--- Records Enclosed Below ---

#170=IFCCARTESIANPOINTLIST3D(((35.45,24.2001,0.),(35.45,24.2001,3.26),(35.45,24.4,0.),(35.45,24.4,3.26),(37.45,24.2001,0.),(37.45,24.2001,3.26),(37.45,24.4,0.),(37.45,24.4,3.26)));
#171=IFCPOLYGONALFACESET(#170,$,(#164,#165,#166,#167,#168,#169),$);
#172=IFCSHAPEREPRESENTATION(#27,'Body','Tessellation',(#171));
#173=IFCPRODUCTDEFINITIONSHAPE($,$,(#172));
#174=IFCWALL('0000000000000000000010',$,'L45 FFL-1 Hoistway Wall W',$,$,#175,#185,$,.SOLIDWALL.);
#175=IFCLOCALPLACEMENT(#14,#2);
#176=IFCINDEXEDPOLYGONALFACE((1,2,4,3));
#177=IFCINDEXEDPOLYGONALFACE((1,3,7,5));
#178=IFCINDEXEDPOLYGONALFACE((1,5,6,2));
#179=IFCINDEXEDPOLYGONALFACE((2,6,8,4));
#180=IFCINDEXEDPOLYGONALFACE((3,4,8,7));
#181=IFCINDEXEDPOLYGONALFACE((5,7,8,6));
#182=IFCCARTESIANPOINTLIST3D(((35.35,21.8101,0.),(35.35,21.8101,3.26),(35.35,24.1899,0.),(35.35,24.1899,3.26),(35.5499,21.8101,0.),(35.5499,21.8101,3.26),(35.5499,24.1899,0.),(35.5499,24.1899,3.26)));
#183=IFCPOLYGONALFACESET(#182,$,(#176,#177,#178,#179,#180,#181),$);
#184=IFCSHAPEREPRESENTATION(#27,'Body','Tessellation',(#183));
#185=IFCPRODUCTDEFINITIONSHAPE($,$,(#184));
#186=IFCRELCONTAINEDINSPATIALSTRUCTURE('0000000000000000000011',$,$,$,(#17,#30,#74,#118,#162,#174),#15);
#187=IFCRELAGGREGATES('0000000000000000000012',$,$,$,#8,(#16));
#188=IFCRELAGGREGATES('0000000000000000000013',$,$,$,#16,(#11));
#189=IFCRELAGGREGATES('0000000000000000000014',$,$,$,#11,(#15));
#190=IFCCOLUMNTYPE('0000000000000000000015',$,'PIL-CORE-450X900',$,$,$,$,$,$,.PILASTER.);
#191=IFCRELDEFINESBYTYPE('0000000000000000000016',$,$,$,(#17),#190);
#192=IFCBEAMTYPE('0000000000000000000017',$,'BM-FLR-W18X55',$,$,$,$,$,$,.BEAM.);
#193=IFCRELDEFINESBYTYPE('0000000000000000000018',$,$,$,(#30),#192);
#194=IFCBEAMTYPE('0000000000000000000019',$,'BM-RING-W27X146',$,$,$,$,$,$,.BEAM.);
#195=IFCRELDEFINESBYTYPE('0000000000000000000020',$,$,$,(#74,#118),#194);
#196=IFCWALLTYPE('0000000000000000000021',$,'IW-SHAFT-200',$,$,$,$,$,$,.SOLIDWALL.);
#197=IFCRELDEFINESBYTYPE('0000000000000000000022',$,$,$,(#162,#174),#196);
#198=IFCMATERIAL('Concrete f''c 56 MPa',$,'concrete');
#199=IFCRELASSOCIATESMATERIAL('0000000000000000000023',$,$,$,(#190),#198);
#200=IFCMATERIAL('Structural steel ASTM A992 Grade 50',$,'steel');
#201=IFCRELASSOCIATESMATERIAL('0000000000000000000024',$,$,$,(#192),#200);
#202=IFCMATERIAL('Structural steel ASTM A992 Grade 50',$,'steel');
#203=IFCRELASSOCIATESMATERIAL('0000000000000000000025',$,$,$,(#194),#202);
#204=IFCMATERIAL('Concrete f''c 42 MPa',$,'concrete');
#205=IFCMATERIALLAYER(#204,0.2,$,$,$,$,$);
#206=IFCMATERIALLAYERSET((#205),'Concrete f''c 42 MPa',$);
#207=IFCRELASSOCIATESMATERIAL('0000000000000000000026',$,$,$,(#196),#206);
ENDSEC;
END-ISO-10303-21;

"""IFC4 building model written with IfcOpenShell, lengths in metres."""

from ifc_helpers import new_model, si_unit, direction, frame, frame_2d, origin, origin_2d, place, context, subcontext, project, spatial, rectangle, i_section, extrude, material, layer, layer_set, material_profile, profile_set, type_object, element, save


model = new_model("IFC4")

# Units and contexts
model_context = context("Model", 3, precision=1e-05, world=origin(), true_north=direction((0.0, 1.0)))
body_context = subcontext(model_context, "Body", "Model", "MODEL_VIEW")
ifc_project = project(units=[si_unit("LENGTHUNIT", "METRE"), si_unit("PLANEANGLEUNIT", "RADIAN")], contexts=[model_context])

--- End of Enclosed Records ---

Search the data above for the string "IFCSHAPEREPRESENTATION" and copy each line that has it.

#172=IFCSHAPEREPRESENTATION(#27,'Body','Tessellation',(#171));
#184=IFCSHAPEREPRESENTATION(#27,'Body','Tessellation',(#183));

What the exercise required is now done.